Extracted records
::::::

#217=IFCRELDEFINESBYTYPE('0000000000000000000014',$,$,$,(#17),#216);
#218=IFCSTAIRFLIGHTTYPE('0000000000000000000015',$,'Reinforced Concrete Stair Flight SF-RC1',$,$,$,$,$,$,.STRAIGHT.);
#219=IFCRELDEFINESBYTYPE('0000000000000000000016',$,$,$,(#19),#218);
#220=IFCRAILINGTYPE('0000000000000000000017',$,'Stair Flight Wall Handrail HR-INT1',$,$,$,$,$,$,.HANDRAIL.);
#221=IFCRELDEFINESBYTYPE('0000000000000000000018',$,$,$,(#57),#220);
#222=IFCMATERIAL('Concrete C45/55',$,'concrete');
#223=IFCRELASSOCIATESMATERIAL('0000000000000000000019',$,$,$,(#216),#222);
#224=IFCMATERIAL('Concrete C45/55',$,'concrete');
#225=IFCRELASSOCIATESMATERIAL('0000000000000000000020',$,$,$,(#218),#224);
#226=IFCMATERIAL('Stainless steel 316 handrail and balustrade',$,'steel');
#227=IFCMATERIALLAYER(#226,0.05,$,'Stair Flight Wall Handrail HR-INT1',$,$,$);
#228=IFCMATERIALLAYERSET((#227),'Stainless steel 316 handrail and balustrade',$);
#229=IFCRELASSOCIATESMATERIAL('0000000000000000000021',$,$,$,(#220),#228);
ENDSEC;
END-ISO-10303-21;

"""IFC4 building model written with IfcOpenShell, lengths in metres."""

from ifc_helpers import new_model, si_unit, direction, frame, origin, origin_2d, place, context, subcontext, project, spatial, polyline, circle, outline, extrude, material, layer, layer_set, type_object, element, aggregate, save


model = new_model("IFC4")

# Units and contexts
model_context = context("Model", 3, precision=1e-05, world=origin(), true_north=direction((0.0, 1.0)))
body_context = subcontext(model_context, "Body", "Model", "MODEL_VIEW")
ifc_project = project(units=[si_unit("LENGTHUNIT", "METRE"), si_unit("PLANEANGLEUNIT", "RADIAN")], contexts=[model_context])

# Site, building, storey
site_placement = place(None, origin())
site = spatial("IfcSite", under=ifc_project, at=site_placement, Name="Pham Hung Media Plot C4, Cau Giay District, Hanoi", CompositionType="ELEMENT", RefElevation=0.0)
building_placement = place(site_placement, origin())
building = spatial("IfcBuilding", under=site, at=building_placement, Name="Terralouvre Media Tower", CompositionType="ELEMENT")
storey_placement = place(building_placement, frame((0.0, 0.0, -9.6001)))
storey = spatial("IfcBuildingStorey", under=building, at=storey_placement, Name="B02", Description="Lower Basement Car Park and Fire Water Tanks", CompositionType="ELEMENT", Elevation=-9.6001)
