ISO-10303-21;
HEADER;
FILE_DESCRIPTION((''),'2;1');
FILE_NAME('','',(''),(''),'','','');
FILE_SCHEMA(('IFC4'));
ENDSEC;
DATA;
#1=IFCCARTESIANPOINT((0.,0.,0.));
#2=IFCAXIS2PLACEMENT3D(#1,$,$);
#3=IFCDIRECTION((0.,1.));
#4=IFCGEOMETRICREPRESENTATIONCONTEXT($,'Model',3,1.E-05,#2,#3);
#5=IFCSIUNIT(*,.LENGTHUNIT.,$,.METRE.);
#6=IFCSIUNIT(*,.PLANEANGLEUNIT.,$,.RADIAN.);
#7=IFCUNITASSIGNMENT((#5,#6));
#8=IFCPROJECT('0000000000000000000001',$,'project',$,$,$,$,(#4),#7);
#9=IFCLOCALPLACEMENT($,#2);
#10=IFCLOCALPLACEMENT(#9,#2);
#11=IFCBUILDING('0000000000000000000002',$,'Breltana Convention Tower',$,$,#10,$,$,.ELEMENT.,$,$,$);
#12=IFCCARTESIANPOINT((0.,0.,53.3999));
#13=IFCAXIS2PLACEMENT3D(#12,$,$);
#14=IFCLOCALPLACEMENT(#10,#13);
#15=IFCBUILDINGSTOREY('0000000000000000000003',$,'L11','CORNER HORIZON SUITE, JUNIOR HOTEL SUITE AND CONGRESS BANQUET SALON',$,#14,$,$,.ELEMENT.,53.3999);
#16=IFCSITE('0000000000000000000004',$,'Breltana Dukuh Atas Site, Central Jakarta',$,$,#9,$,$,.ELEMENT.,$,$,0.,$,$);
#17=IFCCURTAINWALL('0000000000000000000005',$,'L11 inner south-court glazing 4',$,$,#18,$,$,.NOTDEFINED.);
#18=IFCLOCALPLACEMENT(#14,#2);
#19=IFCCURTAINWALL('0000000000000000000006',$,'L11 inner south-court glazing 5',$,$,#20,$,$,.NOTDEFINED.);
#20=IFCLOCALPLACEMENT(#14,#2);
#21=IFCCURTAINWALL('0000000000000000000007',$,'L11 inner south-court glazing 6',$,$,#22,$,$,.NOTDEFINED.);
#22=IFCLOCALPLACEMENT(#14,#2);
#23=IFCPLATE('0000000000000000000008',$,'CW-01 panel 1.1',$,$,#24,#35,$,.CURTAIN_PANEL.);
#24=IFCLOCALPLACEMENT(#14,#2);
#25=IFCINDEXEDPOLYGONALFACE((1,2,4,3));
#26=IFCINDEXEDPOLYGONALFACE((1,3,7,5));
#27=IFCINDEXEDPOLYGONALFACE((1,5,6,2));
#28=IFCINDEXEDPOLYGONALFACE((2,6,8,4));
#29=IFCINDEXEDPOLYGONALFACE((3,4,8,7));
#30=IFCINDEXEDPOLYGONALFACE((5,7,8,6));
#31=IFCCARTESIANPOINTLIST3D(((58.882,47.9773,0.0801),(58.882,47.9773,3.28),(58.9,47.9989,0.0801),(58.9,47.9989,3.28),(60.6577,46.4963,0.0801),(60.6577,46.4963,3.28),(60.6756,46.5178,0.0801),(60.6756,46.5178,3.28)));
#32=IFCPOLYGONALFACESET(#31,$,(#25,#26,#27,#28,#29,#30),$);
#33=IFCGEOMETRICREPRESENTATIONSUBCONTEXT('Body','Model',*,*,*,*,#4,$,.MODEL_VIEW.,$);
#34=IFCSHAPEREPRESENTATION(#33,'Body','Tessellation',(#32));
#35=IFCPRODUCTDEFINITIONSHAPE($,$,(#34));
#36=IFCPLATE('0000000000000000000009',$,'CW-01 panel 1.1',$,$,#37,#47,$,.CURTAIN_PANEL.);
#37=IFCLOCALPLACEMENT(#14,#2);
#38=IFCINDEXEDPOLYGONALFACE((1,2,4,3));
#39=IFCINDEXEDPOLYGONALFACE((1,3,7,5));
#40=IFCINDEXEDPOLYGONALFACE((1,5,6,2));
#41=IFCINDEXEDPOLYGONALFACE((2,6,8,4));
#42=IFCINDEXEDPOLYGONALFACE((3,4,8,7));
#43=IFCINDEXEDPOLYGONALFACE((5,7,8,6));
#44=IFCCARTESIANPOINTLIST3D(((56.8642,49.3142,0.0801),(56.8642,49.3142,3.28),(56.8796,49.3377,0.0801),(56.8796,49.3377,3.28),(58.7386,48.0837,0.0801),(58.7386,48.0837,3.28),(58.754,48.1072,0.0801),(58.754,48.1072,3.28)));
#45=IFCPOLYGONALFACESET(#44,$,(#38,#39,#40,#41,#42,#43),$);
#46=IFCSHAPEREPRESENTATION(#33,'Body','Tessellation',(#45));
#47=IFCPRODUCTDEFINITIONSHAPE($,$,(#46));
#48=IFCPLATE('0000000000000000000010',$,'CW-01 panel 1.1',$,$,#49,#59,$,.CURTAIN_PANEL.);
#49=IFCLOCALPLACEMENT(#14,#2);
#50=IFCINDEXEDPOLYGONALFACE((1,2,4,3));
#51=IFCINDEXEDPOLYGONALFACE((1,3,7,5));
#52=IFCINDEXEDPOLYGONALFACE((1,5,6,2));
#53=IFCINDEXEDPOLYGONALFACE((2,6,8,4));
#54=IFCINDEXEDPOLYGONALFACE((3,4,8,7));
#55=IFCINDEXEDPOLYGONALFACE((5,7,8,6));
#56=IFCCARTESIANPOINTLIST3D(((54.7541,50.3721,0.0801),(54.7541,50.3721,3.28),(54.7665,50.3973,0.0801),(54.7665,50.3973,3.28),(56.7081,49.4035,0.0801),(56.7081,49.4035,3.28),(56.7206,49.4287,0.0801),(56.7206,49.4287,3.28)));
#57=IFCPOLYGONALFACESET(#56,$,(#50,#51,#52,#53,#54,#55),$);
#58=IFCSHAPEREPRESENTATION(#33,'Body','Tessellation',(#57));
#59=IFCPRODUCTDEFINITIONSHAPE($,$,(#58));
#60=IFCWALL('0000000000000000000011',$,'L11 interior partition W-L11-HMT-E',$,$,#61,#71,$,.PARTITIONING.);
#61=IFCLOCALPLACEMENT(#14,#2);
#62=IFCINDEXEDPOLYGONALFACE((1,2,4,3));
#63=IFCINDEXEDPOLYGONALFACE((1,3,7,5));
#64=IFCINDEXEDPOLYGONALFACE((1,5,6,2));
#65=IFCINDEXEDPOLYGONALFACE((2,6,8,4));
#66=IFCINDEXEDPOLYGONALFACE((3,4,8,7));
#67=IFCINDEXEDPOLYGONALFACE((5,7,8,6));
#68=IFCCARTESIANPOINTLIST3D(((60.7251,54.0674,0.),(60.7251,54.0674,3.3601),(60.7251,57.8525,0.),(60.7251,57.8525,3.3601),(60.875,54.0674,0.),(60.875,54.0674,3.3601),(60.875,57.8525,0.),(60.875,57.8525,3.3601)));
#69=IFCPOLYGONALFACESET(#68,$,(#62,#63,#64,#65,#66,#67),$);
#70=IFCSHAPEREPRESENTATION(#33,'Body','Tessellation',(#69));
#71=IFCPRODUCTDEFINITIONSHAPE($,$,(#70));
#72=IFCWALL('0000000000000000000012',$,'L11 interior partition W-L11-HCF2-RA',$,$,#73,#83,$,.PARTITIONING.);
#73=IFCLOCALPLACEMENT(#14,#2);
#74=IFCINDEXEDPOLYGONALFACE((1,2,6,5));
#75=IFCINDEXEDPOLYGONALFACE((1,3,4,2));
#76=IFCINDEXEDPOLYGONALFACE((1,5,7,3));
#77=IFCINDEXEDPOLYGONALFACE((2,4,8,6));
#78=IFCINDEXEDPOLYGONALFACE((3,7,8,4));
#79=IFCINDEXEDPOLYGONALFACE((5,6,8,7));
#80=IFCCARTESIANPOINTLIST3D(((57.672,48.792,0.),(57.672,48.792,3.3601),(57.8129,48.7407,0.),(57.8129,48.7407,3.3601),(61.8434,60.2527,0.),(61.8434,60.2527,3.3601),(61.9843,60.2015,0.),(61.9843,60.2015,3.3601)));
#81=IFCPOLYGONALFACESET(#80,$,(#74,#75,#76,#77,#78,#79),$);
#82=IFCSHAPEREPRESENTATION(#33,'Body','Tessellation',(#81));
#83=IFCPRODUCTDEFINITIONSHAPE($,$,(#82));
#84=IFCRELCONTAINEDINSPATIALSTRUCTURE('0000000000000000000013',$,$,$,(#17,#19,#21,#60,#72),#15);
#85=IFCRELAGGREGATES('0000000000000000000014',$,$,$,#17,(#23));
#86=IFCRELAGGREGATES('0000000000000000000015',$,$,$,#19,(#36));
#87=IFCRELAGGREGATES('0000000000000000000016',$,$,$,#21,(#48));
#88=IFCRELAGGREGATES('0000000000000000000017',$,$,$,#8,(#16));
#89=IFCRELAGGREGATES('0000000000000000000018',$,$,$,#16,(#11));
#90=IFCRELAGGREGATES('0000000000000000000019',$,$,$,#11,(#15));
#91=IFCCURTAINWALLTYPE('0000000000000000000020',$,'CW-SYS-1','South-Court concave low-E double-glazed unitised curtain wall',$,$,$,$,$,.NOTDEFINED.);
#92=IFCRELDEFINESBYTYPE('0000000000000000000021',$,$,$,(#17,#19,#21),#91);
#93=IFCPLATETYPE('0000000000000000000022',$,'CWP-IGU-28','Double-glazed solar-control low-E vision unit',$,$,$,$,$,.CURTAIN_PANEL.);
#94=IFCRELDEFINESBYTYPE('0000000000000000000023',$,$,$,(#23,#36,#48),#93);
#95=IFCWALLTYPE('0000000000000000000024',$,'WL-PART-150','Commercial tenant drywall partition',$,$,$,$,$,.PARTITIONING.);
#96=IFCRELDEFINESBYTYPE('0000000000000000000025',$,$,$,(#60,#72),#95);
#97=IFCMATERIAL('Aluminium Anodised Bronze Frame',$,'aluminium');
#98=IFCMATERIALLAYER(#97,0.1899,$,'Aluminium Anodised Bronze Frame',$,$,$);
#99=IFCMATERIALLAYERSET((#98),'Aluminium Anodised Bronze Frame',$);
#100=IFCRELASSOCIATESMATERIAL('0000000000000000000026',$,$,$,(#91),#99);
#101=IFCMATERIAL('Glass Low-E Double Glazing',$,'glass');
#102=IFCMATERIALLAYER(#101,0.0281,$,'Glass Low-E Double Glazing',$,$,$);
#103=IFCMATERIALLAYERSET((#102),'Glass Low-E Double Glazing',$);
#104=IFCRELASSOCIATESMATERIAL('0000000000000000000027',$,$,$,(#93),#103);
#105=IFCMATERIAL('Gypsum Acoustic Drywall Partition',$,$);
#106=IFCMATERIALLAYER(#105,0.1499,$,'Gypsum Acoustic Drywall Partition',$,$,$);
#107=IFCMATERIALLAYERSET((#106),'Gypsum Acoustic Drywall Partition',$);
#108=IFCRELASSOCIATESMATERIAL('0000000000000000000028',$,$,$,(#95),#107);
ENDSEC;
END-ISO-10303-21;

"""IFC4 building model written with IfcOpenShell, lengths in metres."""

from ifc_helpers import new_model, si_unit, direction, frame, frame_2d, origin, origin_2d, place, context, subcontext, project, spatial, rectangle, extrude, source, transform, mapped, material, layer, layer_set, type_object, element, aggregate, save


model = new_model("IFC4")

# Units and contexts
model_context = context("Model", 3, precision=1e-05, world=origin(), true_north=direction((0.0, 1.0)))
body_context = subcontext(model_context, "Body", "Model", "MODEL_VIEW")
ifc_project = project(units=[si_unit("LENGTHUNIT", "METRE"), si_unit("PLANEANGLEUNIT", "RADIAN")], contexts=[model_context])

# Site, building, storey
site_placement = place(None, origin())
site = spatial("IfcSite", under=ifc_project, at=site_placement, Name="Breltana Dukuh Atas Site, Central Jakarta", CompositionType="ELEMENT", RefElevation=0.0)
building_placement = place(site_placement, origin())
building = spatial("IfcBuilding", under=site, at=building_placement, Name="Breltana Convention Tower", CompositionType="ELEMENT")
storey_placement = place(building_placement, frame((0.0, 0.0, 53.3999)))
storey = spatial("IfcBuildingStorey", under=building, at=storey_placement, Name="L11", Description="CORNER HORIZON SUITE, JUNIOR HOTEL SUITE AND CONGRESS BANQUET SALON", CompositionType="ELEMENT", Elevation=53.3999)

# Shared definitions
ifc_material_1 = material(Name="Aluminium Anodised Bronze Frame", Category="aluminium")
ifc_layer_1 = layer(ifc_material_1, 0.1899, Name="Aluminium Anodised Bronze Frame")
ifc_layer_set_1 = layer_set([ifc_layer_1], Name="Aluminium Anodised Bronze Frame")
curtain_wall_type = type_object("IfcCurtainWallType", Name="CW-SYS-1", Description="South-Court concave low-E double-glazed unitised curtain wall", PredefinedType="NOTDEFINED", material=ifc_layer_set_1)

# Curtain walls
curtain_wall_1_placement = place(storey_placement, origin())
curtain_wall_1 = element("IfcCurtainWall", 1, at=curtain_wall_1_placement, inside=storey, type_object=curtain_wall_type, Name="L11 inner south-court glazing 4", PredefinedType="NOTDEFINED")
curtain_wall_2_placement = place(storey_placement, origin())
curtain_wall_2 = element("IfcCurtainWall", 2, at=curtain_wall_2_placement, inside=storey, type_object=curtain_wall_type, Name="L11 inner south-court glazing 5", PredefinedType="NOTDEFINED")
curtain_wall_3_placement = place(storey_placement, origin())
curtain_wall_3 = element("IfcCurtainWall", 3, at=curtain_wall_3_placement, inside=storey, type_object=curtain_wall_type, Name="L11 inner south-court glazing 6", PredefinedType="NOTDEFINED")

# Plates
ifc_material_2 = material(Name="Glass Low-E Double Glazing", Category="glass")
ifc_layer_2 = layer(ifc_material_2, 0.0281, Name="Glass Low-E Double Glazing")
ifc_layer_set_2 = layer_set([ifc_layer_2], Name="Glass Low-E Double Glazing")
plate_type = type_object("IfcPlateType", Name="CWP-IGU-28", Description="Double-glazed solar-control low-E vision unit", PredefinedType="CURTAIN_PANEL", material=ifc_layer_set_2)
shared_shape_1 = source(origin(), body_context, "Body", "SweptSolid", [
    extrude(rectangle(XDim=2.3123, YDim=0.0281, at=origin_2d()), origin(), (0.0, 0.0, 1.0), 3.2),
])
plate_1_placement = place(storey_placement, frame((59.7788, 47.2476, 0.0801), z_axis=(0.0, 0.0, 1.0), x_axis=(-0.767939, 0.640523, 0.0)))
plate_1 = element("IfcPlate", 4, at=plate_1_placement, type_object=plate_type, Name="CW-01 panel 1.1", PredefinedType="CURTAIN_PANEL", context=body_context, shape_type="MappedRepresentation", body=[
    mapped(shared_shape_1, transform((0.0, 0.0, 0.0), scale=1.0)),
])
aggregate(curtain_wall_1, [plate_1])
shared_shape_2 = source(origin(), body_context, "Body", "SweptSolid", [
    extrude(rectangle(XDim=2.2422, YDim=0.0281, at=origin_2d()), origin(), (0.0, 0.0, 1.0), 3.2),
])
plate_2_placement = place(storey_placement, frame((57.8091, 48.7107, 0.0801), z_axis=(0.0, 0.0, 1.0), x_axis=(-0.835968, 0.548778, 0.0)))
plate_2 = element("IfcPlate", 5, at=plate_2_placement, type_object=plate_type, Name="CW-01 panel 1.1", PredefinedType="CURTAIN_PANEL", context=body_context, shape_type="MappedRepresentation", body=[
    mapped(shared_shape_2, transform((0.0, 0.0, 0.0), scale=1.0)),
])
aggregate(curtain_wall_2, [plate_2])
shared_shape_3 = source(origin(), body_context, "Body", "SweptSolid", [
    extrude(rectangle(XDim=2.1809, YDim=0.0281, at=origin_2d()), origin(), (0.0, 0.0, 1.0), 3.2),
])
plate_3_placement = place(storey_placement, frame((55.7373, 49.9004, 0.0801), z_axis=(0.0, 0.0, 1.0), x_axis=(-0.895968, 0.444118, 0.0)))
plate_3 = element("IfcPlate", 6, at=plate_3_placement, type_object=plate_type, Name="CW-01 panel 1.1", PredefinedType="CURTAIN_PANEL", context=body_context, shape_type="MappedRepresentation", body=[
    mapped(shared_shape_3, transform((0.0, 0.0, 0.0), scale=1.0)),
])
aggregate(curtain_wall_3, [plate_3])

# Walls
ifc_material_3 = material(Name="Gypsum Acoustic Drywall Partition")
ifc_layer_3 = layer(ifc_material_3, 0.1499, Name="Gypsum Acoustic Drywall Partition")
ifc_layer_set_3 = layer_set([ifc_layer_3], Name="Gypsum Acoustic Drywall Partition")
wall_type = type_object("IfcWallType", Name="WL-PART-150", Description="Commercial tenant drywall partition", PredefinedType="PARTITIONING", material=ifc_layer_set_3)
shared_shape_4 = source(origin(), body_context, "Body", "SweptSolid", [
    extrude(rectangle(XDim=3.7852, YDim=0.1499, at=frame_2d((1.8926, 0.0))), origin(), (0.0, 0.0, 1.0), 3.3601),
])
wall_1_placement = place(storey_placement, frame((60.8, 54.0674, 0.0), z_axis=(0.0, 0.0, 1.0), x_axis=(0.0, 1.0, 0.0)))
element("IfcWall", 7, at=wall_1_placement, inside=storey, type_object=wall_type, Name="L11 interior partition W-L11-HMT-E", PredefinedType="PARTITIONING", context=body_context, shape_type="MappedRepresentation", body=[
    mapped(shared_shape_4, transform((0.0, 0.0, 0.0), scale=1.0)),
])
shared_shape_5 = source(origin(), body_context, "Body", "SweptSolid", [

::::::

Copy out each line of the entries that holds "balustrade".

#226=IFCMATERIAL('Stainless steel 316 handrail and balustrade',$,'steel');
#228=IFCMATERIALLAYERSET((#227),'Stainless steel 316 handrail and balustrade',$);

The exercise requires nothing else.